Task item →
Reproduce the records below exactly as shown.
[Start of Attachment]
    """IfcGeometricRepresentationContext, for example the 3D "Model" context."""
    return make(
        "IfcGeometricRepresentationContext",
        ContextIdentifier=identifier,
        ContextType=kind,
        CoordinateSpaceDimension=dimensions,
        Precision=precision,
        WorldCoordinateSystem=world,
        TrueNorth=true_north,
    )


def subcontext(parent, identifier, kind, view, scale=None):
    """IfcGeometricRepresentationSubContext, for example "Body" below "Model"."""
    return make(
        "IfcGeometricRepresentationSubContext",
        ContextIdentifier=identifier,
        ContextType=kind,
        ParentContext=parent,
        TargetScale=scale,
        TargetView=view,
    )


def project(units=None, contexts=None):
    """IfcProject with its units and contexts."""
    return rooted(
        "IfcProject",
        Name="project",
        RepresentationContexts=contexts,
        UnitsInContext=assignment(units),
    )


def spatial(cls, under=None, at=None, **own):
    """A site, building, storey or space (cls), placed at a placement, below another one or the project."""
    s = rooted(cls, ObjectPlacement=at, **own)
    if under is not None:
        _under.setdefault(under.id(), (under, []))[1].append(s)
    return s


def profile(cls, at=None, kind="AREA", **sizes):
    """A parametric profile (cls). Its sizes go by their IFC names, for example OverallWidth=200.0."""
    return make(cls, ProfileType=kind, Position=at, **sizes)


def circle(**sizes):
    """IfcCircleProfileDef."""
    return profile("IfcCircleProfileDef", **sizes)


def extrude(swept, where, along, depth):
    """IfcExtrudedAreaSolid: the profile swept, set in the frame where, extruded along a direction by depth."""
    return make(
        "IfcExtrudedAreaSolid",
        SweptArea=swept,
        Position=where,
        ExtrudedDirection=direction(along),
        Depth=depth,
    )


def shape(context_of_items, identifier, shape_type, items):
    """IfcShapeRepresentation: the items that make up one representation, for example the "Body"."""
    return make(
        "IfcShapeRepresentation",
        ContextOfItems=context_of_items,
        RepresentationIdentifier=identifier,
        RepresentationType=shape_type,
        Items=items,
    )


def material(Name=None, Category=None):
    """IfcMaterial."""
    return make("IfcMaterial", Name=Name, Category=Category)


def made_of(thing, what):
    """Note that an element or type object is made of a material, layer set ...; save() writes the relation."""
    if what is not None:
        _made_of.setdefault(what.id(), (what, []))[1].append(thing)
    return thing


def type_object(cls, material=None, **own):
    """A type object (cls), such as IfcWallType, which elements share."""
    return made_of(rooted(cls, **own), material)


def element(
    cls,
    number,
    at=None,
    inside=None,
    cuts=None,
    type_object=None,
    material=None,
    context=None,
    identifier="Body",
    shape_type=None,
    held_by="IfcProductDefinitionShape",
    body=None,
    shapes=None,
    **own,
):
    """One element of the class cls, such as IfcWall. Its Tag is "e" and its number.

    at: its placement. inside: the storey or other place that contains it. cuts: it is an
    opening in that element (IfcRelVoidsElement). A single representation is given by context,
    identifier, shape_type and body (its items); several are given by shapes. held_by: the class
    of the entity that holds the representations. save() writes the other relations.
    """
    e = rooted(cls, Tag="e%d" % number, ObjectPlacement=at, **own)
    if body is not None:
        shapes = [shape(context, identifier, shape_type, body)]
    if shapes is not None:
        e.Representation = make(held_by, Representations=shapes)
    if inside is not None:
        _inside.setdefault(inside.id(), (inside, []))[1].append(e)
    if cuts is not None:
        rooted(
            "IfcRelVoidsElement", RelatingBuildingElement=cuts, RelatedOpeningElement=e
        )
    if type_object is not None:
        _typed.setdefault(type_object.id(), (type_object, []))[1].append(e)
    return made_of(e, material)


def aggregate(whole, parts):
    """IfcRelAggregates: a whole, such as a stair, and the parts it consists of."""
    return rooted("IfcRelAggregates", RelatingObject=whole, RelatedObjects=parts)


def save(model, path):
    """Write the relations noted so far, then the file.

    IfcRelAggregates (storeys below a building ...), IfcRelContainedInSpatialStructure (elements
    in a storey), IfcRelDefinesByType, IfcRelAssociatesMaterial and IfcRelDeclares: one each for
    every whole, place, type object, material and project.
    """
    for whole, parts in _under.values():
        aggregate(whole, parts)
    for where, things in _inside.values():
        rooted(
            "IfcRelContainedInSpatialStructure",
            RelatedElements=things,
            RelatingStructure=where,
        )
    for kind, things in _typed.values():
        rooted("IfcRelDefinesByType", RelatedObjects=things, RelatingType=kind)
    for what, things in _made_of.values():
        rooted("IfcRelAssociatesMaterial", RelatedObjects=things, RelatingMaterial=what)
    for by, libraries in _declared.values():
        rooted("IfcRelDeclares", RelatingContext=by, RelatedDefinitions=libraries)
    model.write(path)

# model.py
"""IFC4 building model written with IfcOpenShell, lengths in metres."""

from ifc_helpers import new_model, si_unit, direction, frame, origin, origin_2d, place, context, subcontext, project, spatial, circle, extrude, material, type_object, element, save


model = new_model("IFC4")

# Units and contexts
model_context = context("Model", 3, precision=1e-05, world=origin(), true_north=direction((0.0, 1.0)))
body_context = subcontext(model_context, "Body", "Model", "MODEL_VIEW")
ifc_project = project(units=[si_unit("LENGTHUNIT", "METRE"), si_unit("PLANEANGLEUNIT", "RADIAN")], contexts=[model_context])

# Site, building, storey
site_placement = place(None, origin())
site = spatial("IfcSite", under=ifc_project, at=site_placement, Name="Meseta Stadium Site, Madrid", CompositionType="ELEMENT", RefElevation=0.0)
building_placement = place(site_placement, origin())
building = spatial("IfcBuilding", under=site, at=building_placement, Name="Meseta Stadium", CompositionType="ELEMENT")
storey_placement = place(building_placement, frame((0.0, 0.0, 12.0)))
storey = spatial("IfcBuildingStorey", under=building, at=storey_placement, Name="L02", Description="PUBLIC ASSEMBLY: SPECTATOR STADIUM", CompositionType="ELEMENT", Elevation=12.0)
[End of Attachment]
Finished task →
    """IfcGeometricRepresentationContext, for example the 3D "Model" context."""
    return make(
        "IfcGeometricRepresentationContext",
        ContextIdentifier=identifier,
        ContextType=kind,
        CoordinateSpaceDimension=dimensions,
        Precision=precision,
        WorldCoordinateSystem=world,
        TrueNorth=true_north,
    )


def subcontext(parent, identifier, kind, view, scale=None):
    """IfcGeometricRepresentationSubContext, for example "Body" below "Model"."""
    return make(
        "IfcGeometricRepresentationSubContext",
        ContextIdentifier=identifier,
        ContextType=kind,
        ParentContext=parent,
        TargetScale=scale,
        TargetView=view,
    )


def project(units=None, contexts=None):
    """IfcProject with its units and contexts."""
    return rooted(
        "IfcProject",
        Name="project",
        RepresentationContexts=contexts,
        UnitsInContext=assignment(units),
    )


def spatial(cls, under=None, at=None, **own):
    """A site, building, storey or space (cls), placed at a placement, below another one or the project."""
    s = rooted(cls, ObjectPlacement=at, **own)
    if under is not None:
        _under.setdefault(under.id(), (under, []))[1].append(s)
    return s


def profile(cls, at=None, kind="AREA", **sizes):
    """A parametric profile (cls). Its sizes go by their IFC names, for example OverallWidth=200.0."""
    return make(cls, ProfileType=kind, Position=at, **sizes)


def circle(**sizes):
    """IfcCircleProfileDef."""
    return profile("IfcCircleProfileDef", **sizes)


def extrude(swept, where, along, depth):
    """IfcExtrudedAreaSolid: the profile swept, set in the frame where, extruded along a direction by depth."""
    return make(
        "IfcExtrudedAreaSolid",
        SweptArea=swept,
        Position=where,
        ExtrudedDirection=direction(along),
        Depth=depth,
    )


def shape(context_of_items, identifier, shape_type, items):
    """IfcShapeRepresentation: the items that make up one representation, for example the "Body"."""
    return make(
        "IfcShapeRepresentation",
        ContextOfItems=context_of_items,
        RepresentationIdentifier=identifier,
        RepresentationType=shape_type,
        Items=items,
    )


def material(Name=None, Category=None):
    """IfcMaterial."""
    return make("IfcMaterial", Name=Name, Category=Category)


def made_of(thing, what):
    """Note that an element or type object is made of a material, layer set ...; save() writes the relation."""
    if what is not None:
        _made_of.setdefault(what.id(), (what, []))[1].append(thing)
    return thing


def type_object(cls, material=None, **own):
    """A type object (cls), such as IfcWallType, which elements share."""
    return made_of(rooted(cls, **own), material)


def element(
    cls,
    number,
    at=None,
    inside=None,
    cuts=None,
    type_object=None,
    material=None,
    context=None,
    identifier="Body",
    shape_type=None,
    held_by="IfcProductDefinitionShape",
    body=None,
    shapes=None,
    **own,
):
    """One element of the class cls, such as IfcWall. Its Tag is "e" and its number.

    at: its placement. inside: the storey or other place that contains it. cuts: it is an
    opening in that element (IfcRelVoidsElement). A single representation is given by context,
    identifier, shape_type and body (its items); several are given by shapes. held_by: the class
    of the entity that holds the representations. save() writes the other relations.
    """
    e = rooted(cls, Tag="e%d" % number, ObjectPlacement=at, **own)
    if body is not None:
        shapes = [shape(context, identifier, shape_type, body)]
    if shapes is not None:
        e.Representation = make(held_by, Representations=shapes)
    if inside is not None:
        _inside.setdefault(inside.id(), (inside, []))[1].append(e)
    if cuts is not None:
        rooted(
            "IfcRelVoidsElement", RelatingBuildingElement=cuts, RelatedOpeningElement=e
        )
    if type_object is not None:
        _typed.setdefault(type_object.id(), (type_object, []))[1].append(e)
    return made_of(e, material)


def aggregate(whole, parts):
    """IfcRelAggregates: a whole, such as a stair, and the parts it consists of."""
    return rooted("IfcRelAggregates", RelatingObject=whole, RelatedObjects=parts)


def save(model, path):
    """Write the relations noted so far, then the file.

    IfcRelAggregates (storeys below a building ...), IfcRelContainedInSpatialStructure (elements
    in a storey), IfcRelDefinesByType, IfcRelAssociatesMaterial and IfcRelDeclares: one each for
    every whole, place, type object, material and project.
    """
    for whole, parts in _under.values():
        aggregate(whole, parts)
    for where, things in _inside.values():
        rooted(
            "IfcRelContainedInSpatialStructure",
            RelatedElements=things,
            RelatingStructure=where,
        )
    for kind, things in _typed.values():
        rooted("IfcRelDefinesByType", RelatedObjects=things, RelatingType=kind)
    for what, things in _made_of.values():
        rooted("IfcRelAssociatesMaterial", RelatedObjects=things, RelatingMaterial=what)
    for by, libraries in _declared.values():
        rooted("IfcRelDeclares", RelatingContext=by, RelatedDefinitions=libraries)
    model.write(path)

# model.py
"""IFC4 building model written with IfcOpenShell, lengths in metres."""

from ifc_helpers import new_model, si_unit, direction, frame, origin, origin_2d, place, context, subcontext, project, spatial, circle, extrude, material, type_object, element, save


model = new_model("IFC4")

# Units and contexts
model_context = context("Model", 3, precision=1e-05, world=origin(), true_north=direction((0.0, 1.0)))
body_context = subcontext(model_context, "Body", "Model", "MODEL_VIEW")
ifc_project = project(units=[si_unit("LENGTHUNIT", "METRE"), si_unit("PLANEANGLEUNIT", "RADIAN")], contexts=[model_context])

# Site, building, storey
site_placement = place(None, origin())
site = spatial("IfcSite", under=ifc_project, at=site_placement, Name="Meseta Stadium Site, Madrid", CompositionType="ELEMENT", RefElevation=0.0)
building_placement = place(site_placement, origin())
building = spatial("IfcBuilding", under=site, at=building_placement, Name="Meseta Stadium", CompositionType="ELEMENT")
storey_placement = place(building_placement, frame((0.0, 0.0, 12.0)))
storey = spatial("IfcBuildingStorey", under=building, at=storey_placement, Name="L02", Description="PUBLIC ASSEMBLY: SPECTATOR STADIUM", CompositionType="ELEMENT", Elevation=12.0)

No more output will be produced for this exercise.